Task item: Send back exactly the lines from the opening line of the records below through the one with "#159=IFCMATERIALLAYER(#158,0.1499,$,$,$,$,$);".

(Collected data)
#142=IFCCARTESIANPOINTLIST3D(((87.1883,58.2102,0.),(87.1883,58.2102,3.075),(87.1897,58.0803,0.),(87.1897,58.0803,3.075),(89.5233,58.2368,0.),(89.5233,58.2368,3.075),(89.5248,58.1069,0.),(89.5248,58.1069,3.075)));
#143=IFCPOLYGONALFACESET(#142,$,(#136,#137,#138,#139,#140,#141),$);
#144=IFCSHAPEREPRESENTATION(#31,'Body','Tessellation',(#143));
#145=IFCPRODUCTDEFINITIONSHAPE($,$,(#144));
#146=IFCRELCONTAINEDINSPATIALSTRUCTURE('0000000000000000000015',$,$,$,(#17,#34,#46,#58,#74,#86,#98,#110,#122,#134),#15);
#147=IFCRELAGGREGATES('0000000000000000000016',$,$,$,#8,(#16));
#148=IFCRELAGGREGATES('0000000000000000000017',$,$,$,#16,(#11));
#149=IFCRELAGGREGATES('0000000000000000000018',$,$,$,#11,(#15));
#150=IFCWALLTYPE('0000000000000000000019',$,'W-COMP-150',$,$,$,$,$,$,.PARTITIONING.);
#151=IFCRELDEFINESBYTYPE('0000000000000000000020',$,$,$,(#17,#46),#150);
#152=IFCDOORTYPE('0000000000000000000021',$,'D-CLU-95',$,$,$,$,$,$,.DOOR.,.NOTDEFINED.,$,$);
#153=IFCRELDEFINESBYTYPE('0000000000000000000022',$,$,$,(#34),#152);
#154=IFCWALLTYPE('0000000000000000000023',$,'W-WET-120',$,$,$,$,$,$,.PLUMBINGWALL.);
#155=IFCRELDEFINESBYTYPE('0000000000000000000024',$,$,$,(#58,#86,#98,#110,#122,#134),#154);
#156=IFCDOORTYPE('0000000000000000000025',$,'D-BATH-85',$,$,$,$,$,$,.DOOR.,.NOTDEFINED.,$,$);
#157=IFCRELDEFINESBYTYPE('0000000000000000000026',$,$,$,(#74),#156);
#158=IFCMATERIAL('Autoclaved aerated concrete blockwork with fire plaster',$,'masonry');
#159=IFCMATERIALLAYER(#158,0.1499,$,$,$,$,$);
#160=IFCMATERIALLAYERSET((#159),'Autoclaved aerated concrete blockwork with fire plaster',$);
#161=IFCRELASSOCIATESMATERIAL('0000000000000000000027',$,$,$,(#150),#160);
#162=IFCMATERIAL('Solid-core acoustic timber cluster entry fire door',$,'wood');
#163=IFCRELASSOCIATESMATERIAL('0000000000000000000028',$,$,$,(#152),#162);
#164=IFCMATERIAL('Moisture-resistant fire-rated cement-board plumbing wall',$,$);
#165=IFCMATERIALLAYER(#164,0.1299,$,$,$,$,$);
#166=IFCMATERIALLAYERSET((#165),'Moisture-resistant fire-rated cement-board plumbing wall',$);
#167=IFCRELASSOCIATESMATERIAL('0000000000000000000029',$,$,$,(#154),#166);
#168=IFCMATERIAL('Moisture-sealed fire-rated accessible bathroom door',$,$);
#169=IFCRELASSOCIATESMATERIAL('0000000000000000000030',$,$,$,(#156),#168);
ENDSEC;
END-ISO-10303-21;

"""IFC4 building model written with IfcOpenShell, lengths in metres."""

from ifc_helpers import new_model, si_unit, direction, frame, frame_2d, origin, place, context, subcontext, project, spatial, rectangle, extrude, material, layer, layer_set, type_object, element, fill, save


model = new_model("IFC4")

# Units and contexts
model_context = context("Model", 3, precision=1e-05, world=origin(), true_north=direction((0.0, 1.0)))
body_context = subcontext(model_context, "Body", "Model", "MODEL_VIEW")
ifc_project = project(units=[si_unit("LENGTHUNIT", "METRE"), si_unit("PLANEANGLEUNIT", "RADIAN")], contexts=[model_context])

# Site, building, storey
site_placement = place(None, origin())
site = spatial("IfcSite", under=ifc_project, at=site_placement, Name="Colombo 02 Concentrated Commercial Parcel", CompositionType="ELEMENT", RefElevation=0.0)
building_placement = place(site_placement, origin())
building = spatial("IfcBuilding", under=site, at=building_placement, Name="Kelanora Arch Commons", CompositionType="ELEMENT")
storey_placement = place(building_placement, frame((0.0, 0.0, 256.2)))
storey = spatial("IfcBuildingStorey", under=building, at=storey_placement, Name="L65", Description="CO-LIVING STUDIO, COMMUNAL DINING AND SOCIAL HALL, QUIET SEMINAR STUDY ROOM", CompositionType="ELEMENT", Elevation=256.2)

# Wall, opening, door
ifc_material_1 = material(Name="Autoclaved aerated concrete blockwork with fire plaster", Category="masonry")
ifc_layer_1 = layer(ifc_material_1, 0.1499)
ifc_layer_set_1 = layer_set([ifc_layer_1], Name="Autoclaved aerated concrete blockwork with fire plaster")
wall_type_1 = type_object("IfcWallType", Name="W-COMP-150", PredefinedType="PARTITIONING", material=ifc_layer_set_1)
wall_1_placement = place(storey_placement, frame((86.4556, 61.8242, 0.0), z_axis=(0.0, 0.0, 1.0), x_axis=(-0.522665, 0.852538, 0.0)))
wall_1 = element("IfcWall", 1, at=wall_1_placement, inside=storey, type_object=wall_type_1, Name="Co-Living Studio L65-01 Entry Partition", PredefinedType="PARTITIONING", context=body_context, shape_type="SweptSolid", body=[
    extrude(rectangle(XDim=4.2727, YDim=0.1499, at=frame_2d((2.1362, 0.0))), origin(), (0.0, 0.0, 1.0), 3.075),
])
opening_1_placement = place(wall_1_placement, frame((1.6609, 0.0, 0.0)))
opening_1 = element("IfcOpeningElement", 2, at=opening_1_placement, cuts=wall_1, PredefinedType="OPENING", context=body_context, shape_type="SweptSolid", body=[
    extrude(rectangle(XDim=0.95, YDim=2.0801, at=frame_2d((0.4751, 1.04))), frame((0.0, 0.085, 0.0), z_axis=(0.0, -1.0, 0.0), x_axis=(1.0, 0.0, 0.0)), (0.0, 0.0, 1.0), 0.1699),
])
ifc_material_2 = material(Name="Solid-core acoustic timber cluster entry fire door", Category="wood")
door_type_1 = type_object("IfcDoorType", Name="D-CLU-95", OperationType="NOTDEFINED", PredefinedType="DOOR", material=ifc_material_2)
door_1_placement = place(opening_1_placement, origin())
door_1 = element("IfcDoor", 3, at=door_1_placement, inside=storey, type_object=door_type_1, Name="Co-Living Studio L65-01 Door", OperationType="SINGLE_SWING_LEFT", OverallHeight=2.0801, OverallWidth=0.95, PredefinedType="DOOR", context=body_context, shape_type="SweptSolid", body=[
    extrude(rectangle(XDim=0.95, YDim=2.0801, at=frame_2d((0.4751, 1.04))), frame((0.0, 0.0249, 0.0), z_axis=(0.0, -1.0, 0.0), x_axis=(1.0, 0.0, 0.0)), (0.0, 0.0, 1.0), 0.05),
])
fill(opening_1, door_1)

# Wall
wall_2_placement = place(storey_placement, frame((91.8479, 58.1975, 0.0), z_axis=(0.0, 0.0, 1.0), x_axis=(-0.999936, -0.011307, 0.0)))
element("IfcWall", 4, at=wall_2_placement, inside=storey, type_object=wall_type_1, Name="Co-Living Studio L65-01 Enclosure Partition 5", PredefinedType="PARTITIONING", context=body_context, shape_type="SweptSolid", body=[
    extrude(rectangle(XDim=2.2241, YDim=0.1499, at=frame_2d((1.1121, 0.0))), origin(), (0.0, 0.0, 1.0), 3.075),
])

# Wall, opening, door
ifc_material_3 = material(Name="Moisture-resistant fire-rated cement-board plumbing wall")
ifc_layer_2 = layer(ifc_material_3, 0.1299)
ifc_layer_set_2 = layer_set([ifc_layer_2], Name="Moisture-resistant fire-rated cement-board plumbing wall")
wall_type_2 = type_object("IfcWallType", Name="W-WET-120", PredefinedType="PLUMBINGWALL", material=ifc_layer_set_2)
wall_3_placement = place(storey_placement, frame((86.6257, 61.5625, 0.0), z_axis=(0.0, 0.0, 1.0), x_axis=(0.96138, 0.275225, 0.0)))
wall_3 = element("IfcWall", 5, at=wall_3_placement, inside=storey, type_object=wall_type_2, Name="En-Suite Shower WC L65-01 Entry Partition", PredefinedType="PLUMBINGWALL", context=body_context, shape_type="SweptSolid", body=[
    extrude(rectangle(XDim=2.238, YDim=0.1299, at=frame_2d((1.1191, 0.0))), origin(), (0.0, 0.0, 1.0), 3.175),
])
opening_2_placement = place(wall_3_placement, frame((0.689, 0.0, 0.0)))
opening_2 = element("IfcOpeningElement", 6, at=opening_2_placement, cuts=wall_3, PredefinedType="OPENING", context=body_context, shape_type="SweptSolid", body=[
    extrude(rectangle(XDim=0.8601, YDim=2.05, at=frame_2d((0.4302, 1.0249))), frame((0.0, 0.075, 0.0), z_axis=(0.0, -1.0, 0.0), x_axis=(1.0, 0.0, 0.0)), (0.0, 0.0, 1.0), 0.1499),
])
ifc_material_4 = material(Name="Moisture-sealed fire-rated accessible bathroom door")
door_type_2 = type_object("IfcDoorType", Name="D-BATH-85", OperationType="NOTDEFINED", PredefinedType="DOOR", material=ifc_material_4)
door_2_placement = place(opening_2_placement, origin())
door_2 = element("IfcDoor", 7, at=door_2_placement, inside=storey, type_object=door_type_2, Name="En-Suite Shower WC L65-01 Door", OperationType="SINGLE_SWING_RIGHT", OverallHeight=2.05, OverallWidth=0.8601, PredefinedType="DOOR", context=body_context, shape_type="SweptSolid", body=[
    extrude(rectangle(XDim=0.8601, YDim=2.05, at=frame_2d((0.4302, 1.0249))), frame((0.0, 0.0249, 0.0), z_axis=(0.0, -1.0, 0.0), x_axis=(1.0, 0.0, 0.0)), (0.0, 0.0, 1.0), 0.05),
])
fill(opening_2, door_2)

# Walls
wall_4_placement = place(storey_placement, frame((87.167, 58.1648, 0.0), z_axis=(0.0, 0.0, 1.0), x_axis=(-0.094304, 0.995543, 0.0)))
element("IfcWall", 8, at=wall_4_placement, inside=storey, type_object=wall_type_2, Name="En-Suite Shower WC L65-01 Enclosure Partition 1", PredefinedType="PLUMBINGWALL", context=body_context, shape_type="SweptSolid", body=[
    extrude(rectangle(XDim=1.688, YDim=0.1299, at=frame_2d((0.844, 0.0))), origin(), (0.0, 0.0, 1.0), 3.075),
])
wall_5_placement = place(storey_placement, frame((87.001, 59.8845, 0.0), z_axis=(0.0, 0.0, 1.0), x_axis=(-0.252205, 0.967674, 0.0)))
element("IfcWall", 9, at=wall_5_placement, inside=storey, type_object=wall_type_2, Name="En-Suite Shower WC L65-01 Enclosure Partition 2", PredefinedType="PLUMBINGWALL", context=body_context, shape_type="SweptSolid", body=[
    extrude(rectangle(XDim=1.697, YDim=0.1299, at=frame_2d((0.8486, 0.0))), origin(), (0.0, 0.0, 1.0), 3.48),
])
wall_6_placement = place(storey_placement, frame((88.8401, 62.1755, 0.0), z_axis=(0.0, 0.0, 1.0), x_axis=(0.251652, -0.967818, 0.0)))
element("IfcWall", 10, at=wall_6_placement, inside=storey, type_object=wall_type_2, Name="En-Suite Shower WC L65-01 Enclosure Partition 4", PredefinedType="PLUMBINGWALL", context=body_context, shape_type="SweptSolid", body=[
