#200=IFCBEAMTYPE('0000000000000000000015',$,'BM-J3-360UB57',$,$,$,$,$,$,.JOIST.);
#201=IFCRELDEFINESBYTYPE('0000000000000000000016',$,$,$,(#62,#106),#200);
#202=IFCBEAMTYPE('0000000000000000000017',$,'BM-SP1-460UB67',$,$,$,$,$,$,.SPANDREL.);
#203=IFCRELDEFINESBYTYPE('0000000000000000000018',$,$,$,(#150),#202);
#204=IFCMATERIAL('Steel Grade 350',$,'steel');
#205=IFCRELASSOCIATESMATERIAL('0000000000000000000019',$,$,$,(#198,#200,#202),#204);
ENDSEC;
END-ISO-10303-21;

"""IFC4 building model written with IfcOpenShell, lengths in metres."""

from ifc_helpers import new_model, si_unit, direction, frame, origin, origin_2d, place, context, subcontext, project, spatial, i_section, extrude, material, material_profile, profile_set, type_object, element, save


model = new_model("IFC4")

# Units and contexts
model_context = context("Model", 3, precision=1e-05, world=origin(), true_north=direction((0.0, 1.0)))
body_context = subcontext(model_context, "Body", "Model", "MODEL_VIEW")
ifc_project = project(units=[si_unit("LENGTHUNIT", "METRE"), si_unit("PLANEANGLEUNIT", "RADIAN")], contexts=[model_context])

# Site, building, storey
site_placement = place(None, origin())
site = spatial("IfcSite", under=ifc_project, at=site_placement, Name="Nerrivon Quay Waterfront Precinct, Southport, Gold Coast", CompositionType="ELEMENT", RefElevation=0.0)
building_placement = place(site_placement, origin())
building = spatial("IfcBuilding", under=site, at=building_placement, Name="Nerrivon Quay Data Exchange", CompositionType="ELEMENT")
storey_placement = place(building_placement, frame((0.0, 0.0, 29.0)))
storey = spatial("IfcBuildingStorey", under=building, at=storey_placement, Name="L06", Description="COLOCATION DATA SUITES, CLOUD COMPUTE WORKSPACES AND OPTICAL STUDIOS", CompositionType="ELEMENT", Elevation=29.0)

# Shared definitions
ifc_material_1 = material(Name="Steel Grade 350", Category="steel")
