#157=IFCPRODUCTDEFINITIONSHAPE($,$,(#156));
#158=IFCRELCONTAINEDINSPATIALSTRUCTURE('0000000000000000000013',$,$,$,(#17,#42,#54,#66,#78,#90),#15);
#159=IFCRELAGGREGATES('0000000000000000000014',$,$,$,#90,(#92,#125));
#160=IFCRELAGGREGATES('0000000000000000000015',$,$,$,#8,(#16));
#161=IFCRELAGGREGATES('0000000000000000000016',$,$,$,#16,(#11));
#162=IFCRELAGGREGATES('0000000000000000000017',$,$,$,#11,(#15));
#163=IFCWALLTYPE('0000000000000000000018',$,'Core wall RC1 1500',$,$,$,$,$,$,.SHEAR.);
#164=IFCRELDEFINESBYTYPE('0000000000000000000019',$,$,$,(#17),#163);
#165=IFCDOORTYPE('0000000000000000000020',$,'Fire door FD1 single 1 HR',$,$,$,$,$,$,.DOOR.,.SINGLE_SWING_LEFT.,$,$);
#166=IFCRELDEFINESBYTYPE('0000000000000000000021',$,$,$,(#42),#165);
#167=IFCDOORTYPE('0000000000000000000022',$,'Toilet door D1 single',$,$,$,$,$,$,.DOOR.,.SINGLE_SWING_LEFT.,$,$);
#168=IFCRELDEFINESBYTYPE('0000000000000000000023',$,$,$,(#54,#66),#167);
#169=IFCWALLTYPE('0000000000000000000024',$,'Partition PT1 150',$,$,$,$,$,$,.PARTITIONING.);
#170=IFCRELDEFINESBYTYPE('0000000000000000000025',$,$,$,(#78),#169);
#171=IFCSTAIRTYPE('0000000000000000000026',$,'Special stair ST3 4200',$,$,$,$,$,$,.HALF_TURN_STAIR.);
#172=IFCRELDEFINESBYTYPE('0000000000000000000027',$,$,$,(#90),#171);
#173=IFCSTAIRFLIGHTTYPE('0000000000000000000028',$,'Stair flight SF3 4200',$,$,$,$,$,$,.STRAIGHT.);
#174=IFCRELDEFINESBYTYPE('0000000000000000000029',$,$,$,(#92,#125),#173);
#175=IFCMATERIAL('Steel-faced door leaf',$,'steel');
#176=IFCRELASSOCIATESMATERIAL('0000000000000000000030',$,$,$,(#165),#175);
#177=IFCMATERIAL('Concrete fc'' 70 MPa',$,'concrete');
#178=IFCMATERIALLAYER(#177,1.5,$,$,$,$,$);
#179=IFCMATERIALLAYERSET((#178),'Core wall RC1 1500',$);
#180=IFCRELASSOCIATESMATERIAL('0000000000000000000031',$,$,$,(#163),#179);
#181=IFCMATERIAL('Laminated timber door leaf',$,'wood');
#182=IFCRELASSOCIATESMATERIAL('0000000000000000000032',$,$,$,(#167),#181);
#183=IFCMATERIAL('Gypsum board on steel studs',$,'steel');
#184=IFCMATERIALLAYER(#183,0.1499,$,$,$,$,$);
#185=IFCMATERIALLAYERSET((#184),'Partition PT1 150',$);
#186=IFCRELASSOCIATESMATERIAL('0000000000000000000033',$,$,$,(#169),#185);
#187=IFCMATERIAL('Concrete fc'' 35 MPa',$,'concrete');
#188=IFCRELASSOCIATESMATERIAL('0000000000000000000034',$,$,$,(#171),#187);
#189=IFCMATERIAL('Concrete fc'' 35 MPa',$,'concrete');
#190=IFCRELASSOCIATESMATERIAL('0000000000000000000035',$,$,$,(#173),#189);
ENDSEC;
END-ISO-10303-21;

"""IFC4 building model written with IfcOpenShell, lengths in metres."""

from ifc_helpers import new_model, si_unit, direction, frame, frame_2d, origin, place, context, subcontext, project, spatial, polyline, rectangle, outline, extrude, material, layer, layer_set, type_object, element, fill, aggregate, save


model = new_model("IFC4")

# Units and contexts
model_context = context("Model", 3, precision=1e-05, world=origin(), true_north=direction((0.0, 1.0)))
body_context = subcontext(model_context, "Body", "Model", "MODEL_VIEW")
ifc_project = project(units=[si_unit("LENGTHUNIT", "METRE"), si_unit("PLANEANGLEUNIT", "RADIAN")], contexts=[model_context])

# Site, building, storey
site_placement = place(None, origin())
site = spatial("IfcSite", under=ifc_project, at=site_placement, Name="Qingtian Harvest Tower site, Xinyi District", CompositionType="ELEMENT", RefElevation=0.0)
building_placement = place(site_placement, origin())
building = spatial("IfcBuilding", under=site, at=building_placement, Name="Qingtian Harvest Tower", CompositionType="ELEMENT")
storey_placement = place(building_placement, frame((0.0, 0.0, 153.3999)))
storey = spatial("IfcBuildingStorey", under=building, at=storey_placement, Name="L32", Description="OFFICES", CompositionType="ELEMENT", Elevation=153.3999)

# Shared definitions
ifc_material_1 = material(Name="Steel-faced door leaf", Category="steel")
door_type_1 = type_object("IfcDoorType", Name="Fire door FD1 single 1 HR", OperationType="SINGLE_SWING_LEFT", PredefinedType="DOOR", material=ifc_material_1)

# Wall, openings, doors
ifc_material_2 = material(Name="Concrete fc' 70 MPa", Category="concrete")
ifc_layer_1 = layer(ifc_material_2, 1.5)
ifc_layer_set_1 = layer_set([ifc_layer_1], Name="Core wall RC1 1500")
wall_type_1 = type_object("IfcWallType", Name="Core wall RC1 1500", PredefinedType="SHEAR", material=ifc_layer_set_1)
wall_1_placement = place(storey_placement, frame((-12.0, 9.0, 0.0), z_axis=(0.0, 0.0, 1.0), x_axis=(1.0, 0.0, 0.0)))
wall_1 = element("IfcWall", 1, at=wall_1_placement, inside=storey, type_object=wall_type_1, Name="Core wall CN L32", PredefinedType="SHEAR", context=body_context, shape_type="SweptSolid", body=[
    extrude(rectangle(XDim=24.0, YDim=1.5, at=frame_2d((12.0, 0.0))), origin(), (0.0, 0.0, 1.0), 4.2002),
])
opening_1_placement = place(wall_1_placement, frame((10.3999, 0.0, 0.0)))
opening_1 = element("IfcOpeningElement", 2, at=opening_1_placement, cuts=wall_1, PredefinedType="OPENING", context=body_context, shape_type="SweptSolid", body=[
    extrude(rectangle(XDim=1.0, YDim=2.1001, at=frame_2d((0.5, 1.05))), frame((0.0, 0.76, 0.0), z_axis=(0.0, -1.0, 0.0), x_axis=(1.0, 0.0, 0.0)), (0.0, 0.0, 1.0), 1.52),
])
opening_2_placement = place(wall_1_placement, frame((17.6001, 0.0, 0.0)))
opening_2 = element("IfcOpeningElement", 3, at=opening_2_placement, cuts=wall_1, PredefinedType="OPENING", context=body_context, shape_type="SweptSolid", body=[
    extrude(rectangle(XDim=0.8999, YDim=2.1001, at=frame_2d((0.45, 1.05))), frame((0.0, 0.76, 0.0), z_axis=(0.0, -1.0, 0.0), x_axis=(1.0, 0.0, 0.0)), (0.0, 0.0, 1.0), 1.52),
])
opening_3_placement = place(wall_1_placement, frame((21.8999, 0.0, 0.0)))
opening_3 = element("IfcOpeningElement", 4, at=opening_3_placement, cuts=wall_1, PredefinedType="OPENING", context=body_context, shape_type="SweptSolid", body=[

Task output:
#142=IFCCARTESIANPOINTLIST3D(((87.1883,58.2102,0.),(87.1883,58.2102,3.075),(87.1897,58.0803,0.),(87.1897,58.0803,3.075),(89.5233,58.2368,0.),(89.5233,58.2368,3.075),(89.5248,58.1069,0.),(89.5248,58.1069,3.075)));
#143=IFCPOLYGONALFACESET(#142,$,(#136,#137,#138,#139,#140,#141),$);
#144=IFCSHAPEREPRESENTATION(#31,'Body','Tessellation',(#143));
#145=IFCPRODUCTDEFINITIONSHAPE($,$,(#144));
#146=IFCRELCONTAINEDINSPATIALSTRUCTURE('0000000000000000000015',$,$,$,(#17,#34,#46,#58,#74,#86,#98,#110,#122,#134),#15);
#147=IFCRELAGGREGATES('0000000000000000000016',$,$,$,#8,(#16));
#148=IFCRELAGGREGATES('0000000000000000000017',$,$,$,#16,(#11));
#149=IFCRELAGGREGATES('0000000000000000000018',$,$,$,#11,(#15));
#150=IFCWALLTYPE('0000000000000000000019',$,'W-COMP-150',$,$,$,$,$,$,.PARTITIONING.);
#151=IFCRELDEFINESBYTYPE('0000000000000000000020',$,$,$,(#17,#46),#150);
#152=IFCDOORTYPE('0000000000000000000021',$,'D-CLU-95',$,$,$,$,$,$,.DOOR.,.NOTDEFINED.,$,$);
#153=IFCRELDEFINESBYTYPE('0000000000000000000022',$,$,$,(#34),#152);
#154=IFCWALLTYPE('0000000000000000000023',$,'W-WET-120',$,$,$,$,$,$,.PLUMBINGWALL.);
#155=IFCRELDEFINESBYTYPE('0000000000000000000024',$,$,$,(#58,#86,#98,#110,#122,#134),#154);
#156=IFCDOORTYPE('0000000000000000000025',$,'D-BATH-85',$,$,$,$,$,$,.DOOR.,.NOTDEFINED.,$,$);
#157=IFCRELDEFINESBYTYPE('0000000000000000000026',$,$,$,(#74),#156);
#158=IFCMATERIAL('Autoclaved aerated concrete blockwork with fire plaster',$,'masonry');
#159=IFCMATERIALLAYER(#158,0.1499,$,$,$,$,$);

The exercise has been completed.